---------- DATA SUPPLIED

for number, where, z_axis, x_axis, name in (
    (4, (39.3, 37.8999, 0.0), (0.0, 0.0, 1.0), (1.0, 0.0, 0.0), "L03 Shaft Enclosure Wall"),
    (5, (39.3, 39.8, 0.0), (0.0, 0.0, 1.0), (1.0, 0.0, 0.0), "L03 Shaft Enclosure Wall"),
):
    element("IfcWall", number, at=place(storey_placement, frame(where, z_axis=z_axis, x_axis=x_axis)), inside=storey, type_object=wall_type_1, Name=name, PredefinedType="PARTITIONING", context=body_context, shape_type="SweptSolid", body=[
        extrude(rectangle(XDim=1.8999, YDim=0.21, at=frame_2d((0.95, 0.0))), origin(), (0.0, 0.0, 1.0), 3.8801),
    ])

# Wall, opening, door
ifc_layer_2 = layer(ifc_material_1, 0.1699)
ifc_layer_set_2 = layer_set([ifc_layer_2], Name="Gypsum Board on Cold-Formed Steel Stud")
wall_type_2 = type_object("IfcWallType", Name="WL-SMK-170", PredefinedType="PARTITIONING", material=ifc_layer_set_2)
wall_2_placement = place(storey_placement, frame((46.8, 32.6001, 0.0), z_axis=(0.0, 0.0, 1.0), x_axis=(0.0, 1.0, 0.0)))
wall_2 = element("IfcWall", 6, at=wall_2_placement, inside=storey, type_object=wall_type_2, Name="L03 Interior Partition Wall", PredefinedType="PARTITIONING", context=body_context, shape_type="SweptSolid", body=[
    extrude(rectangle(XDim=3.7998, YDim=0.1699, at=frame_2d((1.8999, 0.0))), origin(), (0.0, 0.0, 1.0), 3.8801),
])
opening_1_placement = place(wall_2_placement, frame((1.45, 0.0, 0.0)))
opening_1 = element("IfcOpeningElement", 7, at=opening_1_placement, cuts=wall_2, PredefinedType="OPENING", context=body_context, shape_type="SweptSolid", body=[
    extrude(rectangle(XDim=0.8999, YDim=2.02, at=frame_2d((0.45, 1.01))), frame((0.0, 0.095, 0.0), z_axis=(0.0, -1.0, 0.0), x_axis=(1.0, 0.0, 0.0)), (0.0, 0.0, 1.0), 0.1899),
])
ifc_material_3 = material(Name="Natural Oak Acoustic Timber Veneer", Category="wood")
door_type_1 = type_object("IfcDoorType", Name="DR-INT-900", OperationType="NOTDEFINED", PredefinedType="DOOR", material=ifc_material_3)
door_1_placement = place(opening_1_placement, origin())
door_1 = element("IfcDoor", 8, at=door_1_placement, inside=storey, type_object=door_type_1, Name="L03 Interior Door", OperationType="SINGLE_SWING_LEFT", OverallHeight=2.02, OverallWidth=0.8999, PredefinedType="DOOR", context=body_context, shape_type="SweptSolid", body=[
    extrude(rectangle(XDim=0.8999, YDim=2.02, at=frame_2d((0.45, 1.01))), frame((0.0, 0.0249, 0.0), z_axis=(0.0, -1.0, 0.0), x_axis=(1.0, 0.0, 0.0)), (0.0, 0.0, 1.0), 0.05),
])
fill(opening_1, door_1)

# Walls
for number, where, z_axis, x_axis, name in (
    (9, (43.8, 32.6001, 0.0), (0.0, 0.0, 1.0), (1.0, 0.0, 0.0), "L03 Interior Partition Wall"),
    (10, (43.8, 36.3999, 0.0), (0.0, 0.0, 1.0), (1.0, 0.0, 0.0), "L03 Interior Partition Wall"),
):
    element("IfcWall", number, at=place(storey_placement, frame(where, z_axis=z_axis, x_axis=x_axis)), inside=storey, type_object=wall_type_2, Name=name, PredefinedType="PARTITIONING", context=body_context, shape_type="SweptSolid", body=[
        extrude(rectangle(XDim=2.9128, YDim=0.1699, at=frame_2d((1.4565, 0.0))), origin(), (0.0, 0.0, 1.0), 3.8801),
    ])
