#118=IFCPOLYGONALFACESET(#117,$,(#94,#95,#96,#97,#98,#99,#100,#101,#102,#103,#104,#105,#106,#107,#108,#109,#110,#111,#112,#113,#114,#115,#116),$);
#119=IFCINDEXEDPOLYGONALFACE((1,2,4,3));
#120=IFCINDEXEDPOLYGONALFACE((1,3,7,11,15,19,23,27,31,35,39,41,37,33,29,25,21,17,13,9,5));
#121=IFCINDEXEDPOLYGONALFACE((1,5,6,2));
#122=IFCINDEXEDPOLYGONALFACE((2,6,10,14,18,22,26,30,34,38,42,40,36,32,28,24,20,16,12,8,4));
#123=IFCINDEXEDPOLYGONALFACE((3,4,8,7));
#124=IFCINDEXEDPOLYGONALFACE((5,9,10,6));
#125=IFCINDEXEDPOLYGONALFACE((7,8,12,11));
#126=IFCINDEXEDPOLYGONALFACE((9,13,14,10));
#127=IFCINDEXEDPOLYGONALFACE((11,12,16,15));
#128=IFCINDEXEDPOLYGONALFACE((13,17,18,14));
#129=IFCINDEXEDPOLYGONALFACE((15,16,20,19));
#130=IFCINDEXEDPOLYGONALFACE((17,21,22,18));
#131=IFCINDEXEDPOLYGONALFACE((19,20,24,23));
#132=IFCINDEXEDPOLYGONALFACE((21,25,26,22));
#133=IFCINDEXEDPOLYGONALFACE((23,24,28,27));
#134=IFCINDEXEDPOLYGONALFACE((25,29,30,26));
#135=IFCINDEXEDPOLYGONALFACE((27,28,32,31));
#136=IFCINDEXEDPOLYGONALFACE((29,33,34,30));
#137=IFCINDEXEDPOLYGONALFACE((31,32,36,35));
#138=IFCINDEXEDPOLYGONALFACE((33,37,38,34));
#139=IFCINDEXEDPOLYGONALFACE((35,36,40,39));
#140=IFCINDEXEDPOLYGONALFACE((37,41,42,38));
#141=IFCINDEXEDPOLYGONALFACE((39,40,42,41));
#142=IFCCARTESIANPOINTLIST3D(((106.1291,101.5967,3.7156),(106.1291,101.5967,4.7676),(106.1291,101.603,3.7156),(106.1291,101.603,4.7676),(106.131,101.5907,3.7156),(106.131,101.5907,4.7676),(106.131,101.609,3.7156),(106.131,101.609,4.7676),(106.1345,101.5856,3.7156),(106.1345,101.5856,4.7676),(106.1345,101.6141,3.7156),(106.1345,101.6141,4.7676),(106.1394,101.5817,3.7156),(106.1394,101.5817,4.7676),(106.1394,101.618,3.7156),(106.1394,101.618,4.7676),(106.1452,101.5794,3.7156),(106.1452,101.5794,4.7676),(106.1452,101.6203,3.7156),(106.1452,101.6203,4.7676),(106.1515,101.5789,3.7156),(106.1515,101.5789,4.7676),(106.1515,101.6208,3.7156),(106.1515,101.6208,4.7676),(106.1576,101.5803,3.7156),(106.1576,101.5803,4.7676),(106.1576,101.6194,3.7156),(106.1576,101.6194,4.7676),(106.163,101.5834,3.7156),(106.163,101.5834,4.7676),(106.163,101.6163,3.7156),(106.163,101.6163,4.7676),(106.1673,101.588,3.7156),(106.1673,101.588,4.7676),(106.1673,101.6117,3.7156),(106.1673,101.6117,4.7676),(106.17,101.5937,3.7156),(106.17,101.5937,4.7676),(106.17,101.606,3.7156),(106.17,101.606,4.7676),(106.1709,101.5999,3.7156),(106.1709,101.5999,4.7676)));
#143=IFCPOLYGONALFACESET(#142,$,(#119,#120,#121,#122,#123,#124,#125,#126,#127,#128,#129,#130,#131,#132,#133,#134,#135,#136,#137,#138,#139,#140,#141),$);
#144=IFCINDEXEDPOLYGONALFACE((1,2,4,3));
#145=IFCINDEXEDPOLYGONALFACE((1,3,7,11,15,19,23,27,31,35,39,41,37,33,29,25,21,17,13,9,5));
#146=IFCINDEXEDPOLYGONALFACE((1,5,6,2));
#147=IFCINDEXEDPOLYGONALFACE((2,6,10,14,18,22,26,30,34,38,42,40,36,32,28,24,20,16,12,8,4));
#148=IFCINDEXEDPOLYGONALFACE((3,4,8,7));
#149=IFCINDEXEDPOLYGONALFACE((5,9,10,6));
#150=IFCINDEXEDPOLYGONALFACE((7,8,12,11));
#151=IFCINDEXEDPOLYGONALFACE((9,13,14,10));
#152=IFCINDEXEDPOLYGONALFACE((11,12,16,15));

--------------------
---------- DATA SUPPLIED

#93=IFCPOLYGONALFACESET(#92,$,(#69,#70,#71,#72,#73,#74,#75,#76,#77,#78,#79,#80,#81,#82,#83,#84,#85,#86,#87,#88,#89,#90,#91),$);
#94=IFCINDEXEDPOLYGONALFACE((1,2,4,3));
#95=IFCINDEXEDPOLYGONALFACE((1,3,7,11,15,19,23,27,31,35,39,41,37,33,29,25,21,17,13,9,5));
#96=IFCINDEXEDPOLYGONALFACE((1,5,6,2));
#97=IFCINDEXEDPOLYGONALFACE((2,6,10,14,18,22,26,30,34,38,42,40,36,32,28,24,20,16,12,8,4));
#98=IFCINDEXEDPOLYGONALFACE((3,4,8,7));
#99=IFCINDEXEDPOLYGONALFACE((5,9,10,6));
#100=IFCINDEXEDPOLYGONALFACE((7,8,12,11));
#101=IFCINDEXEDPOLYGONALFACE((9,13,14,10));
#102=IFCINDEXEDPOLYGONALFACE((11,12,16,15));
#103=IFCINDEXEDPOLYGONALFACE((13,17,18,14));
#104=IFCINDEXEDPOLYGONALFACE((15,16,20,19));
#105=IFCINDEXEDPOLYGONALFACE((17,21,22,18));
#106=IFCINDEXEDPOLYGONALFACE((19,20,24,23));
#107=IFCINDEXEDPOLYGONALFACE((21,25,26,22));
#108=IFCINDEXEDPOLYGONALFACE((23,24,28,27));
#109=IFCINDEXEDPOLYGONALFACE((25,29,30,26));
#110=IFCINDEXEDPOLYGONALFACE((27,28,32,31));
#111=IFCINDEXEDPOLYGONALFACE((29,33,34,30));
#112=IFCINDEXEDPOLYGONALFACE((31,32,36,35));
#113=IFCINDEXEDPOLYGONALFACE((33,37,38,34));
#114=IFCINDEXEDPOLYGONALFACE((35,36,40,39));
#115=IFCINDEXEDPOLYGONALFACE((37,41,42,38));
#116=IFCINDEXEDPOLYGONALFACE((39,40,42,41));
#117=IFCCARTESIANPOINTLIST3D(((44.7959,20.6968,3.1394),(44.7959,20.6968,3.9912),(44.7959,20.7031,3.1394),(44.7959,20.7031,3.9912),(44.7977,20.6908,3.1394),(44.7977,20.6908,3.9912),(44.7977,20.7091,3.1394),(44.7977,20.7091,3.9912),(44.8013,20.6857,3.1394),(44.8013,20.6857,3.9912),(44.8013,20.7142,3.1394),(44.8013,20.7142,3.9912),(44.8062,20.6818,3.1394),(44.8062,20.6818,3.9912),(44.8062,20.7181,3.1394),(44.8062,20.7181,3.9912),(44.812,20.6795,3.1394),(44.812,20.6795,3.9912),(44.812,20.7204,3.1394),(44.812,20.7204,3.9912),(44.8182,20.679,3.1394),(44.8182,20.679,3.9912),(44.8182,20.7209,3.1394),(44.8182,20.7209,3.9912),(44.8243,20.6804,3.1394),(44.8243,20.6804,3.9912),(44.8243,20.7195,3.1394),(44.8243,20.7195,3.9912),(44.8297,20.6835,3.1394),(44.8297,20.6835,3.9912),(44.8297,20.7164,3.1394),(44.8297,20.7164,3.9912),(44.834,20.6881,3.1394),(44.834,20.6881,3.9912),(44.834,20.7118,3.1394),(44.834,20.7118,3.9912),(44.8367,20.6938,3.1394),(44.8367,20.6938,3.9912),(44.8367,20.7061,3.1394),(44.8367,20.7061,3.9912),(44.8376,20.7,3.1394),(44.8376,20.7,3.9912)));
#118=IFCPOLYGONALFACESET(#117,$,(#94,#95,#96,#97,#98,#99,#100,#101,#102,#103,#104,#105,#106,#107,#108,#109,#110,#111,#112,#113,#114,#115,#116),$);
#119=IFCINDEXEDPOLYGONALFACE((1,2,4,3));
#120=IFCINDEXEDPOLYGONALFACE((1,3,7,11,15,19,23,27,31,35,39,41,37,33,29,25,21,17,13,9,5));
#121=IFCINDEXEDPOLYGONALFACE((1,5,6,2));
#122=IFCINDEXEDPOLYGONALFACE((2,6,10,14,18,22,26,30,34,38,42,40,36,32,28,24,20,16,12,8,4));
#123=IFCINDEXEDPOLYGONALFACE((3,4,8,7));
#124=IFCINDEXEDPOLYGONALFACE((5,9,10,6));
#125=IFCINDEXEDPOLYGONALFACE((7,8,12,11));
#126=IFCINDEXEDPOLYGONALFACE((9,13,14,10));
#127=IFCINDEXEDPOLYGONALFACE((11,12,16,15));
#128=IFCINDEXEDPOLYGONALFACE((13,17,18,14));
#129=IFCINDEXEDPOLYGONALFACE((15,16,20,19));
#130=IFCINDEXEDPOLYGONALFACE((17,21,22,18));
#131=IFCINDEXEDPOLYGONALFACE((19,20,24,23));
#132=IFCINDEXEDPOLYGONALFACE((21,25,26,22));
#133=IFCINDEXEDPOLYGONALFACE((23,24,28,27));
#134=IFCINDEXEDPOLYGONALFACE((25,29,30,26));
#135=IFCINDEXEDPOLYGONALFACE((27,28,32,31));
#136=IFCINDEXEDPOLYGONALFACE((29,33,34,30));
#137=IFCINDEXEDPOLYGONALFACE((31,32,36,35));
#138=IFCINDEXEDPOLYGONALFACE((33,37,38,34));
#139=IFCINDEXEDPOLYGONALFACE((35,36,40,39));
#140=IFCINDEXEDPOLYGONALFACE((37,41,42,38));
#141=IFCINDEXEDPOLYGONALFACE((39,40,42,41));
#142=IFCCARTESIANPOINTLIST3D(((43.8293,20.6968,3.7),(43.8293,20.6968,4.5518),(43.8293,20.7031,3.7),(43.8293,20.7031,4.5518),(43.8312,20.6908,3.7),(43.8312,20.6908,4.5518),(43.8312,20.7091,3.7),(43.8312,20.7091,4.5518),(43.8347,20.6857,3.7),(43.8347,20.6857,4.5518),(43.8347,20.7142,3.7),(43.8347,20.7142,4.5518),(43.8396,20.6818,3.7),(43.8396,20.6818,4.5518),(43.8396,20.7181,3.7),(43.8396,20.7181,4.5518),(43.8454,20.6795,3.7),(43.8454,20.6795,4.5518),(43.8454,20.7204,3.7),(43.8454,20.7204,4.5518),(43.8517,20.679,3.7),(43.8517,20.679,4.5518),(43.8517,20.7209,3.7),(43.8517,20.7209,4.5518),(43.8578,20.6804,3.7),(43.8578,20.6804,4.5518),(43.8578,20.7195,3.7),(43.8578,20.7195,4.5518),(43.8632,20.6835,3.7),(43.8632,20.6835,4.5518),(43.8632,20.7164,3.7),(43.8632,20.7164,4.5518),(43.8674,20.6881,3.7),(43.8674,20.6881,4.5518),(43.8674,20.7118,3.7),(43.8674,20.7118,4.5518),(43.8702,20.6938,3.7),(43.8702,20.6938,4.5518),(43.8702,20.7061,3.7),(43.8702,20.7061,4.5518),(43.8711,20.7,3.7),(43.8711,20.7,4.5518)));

--------------------
---------- DATA SUPPLIED

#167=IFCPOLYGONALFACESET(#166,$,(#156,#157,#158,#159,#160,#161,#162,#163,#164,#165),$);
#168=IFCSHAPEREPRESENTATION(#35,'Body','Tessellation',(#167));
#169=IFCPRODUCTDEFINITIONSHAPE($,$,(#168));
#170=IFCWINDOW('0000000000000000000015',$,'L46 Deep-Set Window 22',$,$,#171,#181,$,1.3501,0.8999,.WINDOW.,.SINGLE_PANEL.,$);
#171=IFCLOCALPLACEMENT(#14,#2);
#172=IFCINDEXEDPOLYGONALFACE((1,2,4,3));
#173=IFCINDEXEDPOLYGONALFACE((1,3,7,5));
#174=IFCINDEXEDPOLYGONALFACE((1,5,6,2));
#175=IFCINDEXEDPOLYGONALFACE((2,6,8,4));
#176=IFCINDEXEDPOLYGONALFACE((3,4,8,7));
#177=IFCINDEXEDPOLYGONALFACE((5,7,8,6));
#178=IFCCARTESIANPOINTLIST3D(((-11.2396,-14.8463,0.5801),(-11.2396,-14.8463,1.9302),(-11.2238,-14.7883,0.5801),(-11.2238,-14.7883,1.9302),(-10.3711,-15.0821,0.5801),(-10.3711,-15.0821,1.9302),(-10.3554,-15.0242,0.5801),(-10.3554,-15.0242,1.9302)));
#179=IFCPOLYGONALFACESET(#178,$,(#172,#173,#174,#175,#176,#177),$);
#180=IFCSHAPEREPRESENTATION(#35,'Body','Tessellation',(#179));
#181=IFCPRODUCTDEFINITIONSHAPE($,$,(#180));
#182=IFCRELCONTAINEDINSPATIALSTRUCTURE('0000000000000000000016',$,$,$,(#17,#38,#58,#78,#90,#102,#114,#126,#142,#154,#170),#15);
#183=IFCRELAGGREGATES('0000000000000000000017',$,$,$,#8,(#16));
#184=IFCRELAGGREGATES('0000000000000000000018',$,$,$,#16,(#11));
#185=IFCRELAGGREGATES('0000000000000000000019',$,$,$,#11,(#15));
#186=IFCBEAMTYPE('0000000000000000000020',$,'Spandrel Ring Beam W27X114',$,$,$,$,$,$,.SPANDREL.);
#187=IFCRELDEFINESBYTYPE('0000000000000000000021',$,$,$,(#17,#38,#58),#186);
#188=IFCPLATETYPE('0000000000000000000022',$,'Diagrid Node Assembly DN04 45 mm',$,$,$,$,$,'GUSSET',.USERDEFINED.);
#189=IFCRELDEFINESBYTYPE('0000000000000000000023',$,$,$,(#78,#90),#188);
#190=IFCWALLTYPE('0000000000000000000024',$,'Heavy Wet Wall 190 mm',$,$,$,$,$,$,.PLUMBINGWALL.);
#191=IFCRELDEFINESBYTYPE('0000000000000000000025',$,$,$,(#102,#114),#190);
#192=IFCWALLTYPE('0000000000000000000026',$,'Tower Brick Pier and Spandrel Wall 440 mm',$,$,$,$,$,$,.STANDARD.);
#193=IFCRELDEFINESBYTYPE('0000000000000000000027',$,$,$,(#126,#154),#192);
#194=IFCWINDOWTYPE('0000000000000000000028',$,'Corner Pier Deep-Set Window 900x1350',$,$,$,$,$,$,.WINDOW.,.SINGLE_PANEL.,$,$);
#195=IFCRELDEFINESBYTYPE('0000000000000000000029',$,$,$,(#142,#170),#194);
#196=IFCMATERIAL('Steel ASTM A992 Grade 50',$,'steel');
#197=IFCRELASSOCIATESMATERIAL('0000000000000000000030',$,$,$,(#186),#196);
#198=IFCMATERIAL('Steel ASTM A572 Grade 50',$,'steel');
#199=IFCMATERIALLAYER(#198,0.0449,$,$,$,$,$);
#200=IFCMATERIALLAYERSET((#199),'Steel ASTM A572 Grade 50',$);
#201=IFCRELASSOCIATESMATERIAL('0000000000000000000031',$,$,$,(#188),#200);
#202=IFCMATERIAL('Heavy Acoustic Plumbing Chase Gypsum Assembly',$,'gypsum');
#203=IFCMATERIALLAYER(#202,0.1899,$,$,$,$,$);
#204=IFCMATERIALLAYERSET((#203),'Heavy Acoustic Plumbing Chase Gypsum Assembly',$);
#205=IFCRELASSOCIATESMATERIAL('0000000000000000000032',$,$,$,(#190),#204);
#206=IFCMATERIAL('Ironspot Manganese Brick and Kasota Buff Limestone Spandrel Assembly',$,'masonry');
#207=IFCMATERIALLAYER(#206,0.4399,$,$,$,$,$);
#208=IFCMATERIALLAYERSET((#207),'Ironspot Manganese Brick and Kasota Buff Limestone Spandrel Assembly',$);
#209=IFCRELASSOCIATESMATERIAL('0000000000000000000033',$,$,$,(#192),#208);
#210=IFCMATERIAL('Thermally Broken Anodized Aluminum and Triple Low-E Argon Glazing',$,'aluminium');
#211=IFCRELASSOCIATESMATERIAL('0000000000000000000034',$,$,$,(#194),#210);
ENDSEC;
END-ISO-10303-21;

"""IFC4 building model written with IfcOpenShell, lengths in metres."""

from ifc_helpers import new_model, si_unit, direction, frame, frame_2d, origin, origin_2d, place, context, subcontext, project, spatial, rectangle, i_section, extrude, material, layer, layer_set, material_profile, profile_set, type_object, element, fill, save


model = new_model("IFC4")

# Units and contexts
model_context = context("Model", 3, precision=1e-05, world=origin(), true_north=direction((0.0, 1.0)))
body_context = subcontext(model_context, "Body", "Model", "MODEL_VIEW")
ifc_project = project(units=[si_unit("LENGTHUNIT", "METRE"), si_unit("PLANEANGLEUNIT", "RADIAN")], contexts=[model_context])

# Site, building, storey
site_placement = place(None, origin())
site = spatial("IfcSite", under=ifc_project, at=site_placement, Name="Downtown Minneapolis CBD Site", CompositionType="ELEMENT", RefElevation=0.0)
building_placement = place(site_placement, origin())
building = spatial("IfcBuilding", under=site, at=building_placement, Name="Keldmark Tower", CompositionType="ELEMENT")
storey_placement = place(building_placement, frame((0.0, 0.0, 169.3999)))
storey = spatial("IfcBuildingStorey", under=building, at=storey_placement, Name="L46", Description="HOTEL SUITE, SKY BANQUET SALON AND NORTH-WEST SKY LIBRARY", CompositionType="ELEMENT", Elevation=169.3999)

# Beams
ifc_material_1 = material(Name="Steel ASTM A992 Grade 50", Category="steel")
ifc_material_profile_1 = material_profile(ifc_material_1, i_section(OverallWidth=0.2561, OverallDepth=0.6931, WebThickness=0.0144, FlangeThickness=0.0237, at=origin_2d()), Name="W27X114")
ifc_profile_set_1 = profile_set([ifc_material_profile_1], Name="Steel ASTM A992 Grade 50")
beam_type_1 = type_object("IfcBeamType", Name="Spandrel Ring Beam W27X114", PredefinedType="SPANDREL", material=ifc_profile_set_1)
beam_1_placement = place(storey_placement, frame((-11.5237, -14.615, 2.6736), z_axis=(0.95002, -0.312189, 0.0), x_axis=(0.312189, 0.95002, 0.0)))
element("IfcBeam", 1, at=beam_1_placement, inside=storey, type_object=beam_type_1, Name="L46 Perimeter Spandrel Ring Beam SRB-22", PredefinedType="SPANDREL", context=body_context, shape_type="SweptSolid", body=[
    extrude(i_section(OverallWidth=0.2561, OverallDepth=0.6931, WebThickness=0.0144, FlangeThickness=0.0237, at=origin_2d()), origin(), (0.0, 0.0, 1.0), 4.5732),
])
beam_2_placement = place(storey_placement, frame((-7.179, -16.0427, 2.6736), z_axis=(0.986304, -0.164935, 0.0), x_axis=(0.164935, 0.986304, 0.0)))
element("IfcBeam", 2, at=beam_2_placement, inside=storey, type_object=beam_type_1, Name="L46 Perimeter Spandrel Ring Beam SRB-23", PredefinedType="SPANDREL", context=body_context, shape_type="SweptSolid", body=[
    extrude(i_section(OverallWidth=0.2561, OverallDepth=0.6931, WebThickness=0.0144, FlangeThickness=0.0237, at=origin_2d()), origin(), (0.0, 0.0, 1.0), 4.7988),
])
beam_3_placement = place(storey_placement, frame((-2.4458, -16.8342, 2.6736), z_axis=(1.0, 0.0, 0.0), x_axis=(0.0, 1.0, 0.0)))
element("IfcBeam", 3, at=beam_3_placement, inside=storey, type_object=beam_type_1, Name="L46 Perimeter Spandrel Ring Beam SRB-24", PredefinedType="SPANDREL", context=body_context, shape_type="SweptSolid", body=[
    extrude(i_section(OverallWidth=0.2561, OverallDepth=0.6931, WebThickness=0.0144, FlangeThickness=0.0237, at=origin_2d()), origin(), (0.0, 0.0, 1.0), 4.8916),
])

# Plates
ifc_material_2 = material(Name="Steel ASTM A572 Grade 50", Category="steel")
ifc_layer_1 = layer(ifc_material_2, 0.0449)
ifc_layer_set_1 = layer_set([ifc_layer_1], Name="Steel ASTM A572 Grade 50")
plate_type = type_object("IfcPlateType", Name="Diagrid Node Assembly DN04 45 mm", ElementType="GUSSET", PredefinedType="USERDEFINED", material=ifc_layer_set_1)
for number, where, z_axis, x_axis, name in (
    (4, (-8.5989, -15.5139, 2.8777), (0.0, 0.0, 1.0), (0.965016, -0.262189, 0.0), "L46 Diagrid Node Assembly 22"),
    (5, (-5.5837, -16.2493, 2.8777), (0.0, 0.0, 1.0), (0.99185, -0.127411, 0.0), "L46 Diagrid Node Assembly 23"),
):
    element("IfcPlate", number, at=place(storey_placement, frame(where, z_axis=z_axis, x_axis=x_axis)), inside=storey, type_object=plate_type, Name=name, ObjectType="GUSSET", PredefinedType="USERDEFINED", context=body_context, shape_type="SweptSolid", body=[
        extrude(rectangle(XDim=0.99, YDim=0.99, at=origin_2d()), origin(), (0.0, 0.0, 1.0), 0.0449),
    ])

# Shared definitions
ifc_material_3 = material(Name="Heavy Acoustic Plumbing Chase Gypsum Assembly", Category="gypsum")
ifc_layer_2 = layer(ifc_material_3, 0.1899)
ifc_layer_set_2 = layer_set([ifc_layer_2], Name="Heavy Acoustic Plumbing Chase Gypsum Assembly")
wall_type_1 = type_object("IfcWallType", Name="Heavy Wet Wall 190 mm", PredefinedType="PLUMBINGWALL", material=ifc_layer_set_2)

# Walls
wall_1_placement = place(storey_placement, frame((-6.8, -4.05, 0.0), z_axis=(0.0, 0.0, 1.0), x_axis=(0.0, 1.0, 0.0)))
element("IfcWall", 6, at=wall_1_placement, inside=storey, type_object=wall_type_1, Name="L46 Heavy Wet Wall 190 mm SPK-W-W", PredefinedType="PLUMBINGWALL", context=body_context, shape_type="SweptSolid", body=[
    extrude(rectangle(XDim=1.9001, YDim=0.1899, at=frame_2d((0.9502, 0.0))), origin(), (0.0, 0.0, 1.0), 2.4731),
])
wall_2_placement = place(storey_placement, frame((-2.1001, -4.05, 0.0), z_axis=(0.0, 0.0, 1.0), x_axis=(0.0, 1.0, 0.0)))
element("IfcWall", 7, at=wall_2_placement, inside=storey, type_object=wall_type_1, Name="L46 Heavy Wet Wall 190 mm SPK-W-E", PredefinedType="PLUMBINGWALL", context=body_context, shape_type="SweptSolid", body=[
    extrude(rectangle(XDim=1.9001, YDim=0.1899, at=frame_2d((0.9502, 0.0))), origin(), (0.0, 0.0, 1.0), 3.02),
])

--------------------

Of all the entries above, output exactly the lines between the one holding "END-ISO-10303-21;" and the one holding "frame((0.0, 0.0, 169.3999)))", inclusive.

OUTPUT FOR THIS EXERCISE |
END-ISO-10303-21;

"""IFC4 building model written with IfcOpenShell, lengths in metres."""

from ifc_helpers import new_model, si_unit, direction, frame, frame_2d, origin, origin_2d, place, context, subcontext, project, spatial, rectangle, i_section, extrude, material, layer, layer_set, material_profile, profile_set, type_object, element, fill, save


model = new_model("IFC4")

# Units and contexts
model_context = context("Model", 3, precision=1e-05, world=origin(), true_north=direction((0.0, 1.0)))
body_context = subcontext(model_context, "Body", "Model", "MODEL_VIEW")
ifc_project = project(units=[si_unit("LENGTHUNIT", "METRE"), si_unit("PLANEANGLEUNIT", "RADIAN")], contexts=[model_context])

# Site, building, storey
site_placement = place(None, origin())
site = spatial("IfcSite", under=ifc_project, at=site_placement, Name="Downtown Minneapolis CBD Site", CompositionType="ELEMENT", RefElevation=0.0)
building_placement = place(site_placement, origin())
building = spatial("IfcBuilding", under=site, at=building_placement, Name="Keldmark Tower", CompositionType="ELEMENT")
storey_placement = place(building_placement, frame((0.0, 0.0, 169.3999)))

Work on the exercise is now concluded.